───── EXERCISE DATA

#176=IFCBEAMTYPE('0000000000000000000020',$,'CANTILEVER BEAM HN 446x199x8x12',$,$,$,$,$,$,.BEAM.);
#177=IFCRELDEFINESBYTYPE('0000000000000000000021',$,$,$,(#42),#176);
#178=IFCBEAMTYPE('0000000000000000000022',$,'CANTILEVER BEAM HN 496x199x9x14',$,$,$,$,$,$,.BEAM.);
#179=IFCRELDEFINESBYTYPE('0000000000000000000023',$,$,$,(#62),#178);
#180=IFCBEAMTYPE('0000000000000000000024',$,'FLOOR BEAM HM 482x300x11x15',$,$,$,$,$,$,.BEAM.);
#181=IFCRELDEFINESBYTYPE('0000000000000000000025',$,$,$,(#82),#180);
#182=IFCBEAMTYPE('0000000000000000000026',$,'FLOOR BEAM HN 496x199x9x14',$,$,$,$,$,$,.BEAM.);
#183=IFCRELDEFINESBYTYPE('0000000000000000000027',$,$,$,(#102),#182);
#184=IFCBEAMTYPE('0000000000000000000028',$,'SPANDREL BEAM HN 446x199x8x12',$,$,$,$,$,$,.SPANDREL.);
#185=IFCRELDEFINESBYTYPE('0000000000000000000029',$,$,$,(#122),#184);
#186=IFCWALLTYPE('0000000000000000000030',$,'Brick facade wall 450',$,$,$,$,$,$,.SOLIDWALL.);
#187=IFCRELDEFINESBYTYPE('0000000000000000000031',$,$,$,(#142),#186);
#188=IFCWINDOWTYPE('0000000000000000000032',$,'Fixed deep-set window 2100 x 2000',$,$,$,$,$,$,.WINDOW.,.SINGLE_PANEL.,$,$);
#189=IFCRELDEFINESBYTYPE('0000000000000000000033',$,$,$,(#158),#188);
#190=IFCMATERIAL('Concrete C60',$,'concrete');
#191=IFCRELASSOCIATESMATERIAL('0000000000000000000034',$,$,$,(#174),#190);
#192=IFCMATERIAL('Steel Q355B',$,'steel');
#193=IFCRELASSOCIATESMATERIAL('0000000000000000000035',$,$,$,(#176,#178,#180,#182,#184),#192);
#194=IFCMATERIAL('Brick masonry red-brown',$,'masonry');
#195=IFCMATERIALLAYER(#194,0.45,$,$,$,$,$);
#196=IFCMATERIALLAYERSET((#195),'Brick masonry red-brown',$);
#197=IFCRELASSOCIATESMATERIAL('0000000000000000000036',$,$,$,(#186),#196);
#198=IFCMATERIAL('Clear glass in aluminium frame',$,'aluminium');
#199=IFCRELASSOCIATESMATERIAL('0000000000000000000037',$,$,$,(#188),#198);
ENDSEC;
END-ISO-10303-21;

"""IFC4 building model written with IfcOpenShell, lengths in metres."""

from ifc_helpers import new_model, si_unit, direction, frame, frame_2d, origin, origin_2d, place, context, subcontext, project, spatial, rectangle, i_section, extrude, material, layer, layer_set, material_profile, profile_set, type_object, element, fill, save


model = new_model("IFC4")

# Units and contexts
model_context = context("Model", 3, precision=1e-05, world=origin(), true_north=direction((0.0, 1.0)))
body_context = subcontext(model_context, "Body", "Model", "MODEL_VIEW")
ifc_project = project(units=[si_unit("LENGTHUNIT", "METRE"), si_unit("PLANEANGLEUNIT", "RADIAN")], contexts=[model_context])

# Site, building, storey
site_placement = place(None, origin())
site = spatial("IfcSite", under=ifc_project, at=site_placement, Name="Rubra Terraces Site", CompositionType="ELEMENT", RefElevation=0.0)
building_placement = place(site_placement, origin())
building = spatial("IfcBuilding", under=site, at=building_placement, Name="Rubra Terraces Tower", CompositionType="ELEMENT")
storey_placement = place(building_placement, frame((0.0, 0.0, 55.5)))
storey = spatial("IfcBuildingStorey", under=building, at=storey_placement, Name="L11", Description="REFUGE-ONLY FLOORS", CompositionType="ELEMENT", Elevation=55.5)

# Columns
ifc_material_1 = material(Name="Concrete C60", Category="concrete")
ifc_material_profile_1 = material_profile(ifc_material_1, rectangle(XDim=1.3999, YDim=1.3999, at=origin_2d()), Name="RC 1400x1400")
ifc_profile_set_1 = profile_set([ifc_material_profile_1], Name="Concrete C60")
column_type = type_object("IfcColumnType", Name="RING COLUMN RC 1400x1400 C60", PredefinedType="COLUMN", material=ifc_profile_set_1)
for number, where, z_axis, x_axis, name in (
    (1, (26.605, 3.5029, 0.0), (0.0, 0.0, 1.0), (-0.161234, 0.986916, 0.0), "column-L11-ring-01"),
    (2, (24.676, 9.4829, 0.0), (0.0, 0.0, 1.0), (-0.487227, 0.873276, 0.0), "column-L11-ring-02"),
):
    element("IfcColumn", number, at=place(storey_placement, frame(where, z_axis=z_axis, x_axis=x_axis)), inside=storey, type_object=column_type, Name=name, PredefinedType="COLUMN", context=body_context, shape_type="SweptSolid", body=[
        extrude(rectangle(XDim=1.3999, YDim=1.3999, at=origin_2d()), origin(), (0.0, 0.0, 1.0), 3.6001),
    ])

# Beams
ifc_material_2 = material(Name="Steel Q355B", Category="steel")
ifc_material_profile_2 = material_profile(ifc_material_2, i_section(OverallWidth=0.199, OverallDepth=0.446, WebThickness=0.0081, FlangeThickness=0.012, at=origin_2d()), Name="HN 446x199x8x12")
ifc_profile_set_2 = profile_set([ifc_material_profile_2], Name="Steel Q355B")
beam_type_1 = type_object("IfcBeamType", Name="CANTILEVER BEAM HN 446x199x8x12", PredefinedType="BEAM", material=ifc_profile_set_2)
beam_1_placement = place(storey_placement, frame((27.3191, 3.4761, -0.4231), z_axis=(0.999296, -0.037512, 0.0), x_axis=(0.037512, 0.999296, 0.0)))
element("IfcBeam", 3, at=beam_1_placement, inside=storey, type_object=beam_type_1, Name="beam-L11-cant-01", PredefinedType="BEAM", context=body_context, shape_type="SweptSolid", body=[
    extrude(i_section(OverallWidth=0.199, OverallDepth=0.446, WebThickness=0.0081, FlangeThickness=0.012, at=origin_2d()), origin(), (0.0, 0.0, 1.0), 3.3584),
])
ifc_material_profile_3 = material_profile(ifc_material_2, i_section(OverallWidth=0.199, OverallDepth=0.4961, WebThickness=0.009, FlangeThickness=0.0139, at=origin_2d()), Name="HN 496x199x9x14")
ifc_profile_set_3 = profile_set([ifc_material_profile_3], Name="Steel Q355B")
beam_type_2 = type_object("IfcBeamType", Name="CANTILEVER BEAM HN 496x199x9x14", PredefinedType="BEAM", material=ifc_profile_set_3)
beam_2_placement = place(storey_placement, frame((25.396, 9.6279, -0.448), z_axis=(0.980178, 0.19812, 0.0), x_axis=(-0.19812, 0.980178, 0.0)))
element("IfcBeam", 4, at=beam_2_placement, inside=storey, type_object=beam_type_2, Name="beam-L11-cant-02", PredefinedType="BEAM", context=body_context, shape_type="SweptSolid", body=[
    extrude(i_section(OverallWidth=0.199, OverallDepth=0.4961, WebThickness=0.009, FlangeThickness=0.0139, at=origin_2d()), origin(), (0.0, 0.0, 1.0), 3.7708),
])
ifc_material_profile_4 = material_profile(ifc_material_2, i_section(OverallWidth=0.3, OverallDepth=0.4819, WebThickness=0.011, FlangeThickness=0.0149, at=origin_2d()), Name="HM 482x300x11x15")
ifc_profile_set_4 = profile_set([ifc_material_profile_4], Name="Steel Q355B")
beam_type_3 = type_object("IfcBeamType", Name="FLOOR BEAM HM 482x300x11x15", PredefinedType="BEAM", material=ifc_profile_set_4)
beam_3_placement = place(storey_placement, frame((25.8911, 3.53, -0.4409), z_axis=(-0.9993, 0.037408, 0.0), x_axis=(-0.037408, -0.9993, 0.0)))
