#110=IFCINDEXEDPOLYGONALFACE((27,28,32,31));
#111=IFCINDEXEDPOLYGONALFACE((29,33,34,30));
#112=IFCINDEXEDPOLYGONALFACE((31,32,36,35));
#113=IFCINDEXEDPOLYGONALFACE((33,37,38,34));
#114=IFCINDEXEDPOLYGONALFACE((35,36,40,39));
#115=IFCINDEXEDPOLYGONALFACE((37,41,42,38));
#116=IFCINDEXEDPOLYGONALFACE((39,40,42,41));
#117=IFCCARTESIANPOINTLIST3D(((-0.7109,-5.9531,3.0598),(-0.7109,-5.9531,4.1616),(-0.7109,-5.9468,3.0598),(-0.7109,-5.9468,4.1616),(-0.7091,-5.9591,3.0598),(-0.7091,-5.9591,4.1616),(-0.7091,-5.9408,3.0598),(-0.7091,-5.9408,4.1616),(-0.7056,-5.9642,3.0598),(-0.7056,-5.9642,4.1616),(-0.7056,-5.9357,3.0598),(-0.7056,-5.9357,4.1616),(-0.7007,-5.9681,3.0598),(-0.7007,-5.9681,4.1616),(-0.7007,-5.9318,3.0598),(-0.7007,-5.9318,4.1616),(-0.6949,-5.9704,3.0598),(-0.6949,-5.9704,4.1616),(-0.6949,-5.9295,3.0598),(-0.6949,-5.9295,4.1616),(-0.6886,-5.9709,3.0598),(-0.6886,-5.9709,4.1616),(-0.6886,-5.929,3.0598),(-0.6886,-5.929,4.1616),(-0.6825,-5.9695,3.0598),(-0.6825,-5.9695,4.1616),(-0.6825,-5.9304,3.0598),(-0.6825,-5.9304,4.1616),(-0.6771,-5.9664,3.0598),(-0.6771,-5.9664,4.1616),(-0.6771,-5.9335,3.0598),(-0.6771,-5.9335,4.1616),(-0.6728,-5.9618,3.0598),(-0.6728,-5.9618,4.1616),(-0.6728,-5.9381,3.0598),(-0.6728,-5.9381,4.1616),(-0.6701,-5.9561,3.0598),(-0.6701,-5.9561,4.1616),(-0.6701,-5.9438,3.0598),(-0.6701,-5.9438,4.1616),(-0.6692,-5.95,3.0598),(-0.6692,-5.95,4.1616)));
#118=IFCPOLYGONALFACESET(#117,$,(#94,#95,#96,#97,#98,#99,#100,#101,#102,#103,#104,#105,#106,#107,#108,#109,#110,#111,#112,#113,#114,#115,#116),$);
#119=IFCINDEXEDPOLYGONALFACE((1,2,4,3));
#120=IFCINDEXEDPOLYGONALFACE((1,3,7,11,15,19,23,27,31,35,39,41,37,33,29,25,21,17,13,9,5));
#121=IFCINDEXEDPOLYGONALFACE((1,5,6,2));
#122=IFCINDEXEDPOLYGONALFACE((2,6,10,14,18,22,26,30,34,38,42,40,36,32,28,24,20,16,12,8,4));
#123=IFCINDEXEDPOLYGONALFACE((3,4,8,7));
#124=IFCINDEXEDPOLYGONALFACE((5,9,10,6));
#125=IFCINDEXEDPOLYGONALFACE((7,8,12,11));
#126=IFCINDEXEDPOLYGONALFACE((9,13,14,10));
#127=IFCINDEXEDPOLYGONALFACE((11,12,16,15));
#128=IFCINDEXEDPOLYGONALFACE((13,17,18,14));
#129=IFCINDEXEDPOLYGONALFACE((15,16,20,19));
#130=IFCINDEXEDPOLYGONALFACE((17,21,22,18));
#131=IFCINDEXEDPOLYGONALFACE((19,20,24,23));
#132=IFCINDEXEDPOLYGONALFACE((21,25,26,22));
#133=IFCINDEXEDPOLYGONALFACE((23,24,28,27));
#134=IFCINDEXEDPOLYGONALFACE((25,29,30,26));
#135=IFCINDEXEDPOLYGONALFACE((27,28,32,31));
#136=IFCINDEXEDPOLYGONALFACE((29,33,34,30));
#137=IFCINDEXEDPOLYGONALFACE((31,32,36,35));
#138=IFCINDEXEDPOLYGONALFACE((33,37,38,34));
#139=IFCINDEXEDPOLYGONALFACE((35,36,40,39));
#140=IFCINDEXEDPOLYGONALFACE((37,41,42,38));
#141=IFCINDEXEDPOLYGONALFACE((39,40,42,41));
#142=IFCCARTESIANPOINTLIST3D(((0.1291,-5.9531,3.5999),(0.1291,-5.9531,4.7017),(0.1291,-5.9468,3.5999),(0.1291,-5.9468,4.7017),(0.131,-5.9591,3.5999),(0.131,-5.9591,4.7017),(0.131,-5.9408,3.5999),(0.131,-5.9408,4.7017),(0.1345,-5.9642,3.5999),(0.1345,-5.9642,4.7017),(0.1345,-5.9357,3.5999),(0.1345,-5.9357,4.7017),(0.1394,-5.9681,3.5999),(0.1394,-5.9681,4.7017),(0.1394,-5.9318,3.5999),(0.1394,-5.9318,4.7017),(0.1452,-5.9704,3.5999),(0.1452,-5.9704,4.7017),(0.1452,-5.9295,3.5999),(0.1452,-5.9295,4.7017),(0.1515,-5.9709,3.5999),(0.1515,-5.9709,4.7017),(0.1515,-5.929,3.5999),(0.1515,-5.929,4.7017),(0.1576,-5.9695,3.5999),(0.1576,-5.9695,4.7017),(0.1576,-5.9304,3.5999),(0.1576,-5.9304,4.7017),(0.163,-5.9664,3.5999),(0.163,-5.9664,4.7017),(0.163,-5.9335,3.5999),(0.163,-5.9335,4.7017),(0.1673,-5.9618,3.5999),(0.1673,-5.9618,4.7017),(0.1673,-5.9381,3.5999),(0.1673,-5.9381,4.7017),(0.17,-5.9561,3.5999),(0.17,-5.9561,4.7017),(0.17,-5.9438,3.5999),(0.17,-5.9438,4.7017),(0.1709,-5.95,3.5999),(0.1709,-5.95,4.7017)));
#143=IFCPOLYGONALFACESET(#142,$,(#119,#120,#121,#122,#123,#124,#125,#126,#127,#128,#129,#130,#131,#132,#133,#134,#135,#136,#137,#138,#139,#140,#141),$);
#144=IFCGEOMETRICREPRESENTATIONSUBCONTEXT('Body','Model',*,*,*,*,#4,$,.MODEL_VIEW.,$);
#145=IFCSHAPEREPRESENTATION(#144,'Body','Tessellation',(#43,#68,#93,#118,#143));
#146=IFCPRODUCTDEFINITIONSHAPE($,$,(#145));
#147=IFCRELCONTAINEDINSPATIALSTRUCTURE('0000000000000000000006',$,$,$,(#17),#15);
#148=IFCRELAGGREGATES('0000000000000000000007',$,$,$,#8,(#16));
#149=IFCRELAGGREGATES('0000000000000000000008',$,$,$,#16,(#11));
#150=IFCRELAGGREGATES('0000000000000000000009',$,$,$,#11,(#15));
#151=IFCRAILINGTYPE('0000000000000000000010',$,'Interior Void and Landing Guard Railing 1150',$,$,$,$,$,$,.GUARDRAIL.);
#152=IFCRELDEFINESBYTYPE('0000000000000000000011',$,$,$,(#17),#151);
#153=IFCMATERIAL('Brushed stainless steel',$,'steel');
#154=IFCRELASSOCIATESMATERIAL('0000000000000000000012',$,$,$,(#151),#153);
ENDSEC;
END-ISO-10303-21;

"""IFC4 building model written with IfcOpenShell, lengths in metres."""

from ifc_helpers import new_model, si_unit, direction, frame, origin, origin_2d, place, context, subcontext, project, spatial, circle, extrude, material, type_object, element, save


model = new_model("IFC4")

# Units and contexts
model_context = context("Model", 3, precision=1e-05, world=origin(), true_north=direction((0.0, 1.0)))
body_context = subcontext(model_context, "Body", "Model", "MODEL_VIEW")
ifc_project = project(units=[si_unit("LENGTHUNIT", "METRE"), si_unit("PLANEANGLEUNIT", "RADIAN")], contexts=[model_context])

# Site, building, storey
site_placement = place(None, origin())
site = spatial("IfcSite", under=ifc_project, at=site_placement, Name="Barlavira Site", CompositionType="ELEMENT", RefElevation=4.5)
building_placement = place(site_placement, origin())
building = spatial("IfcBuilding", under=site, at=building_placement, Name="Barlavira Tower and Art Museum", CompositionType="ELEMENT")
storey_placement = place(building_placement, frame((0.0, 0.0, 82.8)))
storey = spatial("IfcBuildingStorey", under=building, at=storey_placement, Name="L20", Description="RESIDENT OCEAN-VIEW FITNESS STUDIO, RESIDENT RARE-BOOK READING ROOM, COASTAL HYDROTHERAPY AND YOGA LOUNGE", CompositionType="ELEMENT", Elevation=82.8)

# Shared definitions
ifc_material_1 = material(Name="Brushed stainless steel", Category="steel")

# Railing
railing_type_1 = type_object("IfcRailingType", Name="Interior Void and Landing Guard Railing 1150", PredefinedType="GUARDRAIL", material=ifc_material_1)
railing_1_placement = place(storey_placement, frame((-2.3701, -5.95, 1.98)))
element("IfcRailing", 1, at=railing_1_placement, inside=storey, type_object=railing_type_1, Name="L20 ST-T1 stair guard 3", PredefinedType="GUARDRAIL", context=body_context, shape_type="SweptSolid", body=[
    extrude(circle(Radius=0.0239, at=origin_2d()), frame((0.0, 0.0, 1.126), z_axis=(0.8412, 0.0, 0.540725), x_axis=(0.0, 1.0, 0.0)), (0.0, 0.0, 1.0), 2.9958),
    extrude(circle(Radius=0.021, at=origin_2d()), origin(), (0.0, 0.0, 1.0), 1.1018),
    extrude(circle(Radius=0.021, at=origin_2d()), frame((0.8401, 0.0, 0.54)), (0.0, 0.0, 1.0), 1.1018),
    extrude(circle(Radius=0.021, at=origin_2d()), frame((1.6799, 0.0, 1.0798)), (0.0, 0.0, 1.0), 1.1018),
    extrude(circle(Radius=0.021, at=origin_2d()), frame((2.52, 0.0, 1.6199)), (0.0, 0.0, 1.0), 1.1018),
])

──────────

WHAT THIS TASK INVOLVES — What you give back should be exactly the lines of the data above from the line with "#124=IFCINDEXEDPOLYGONALFACE((5,9,10,6));" through the line with "#133=IFCINDEXEDPOLYGONALFACE((23,24,28,27));", both of those included, and nothing more.

ANSWER BOX —
#124=IFCINDEXEDPOLYGONALFACE((5,9,10,6));
#125=IFCINDEXEDPOLYGONALFACE((7,8,12,11));
#126=IFCINDEXEDPOLYGONALFACE((9,13,14,10));
#127=IFCINDEXEDPOLYGONALFACE((11,12,16,15));
#128=IFCINDEXEDPOLYGONALFACE((13,17,18,14));
#129=IFCINDEXEDPOLYGONALFACE((15,16,20,19));
#130=IFCINDEXEDPOLYGONALFACE((17,21,22,18));
#131=IFCINDEXEDPOLYGONALFACE((19,20,24,23));
#132=IFCINDEXEDPOLYGONALFACE((21,25,26,22));
#133=IFCINDEXEDPOLYGONALFACE((23,24,28,27));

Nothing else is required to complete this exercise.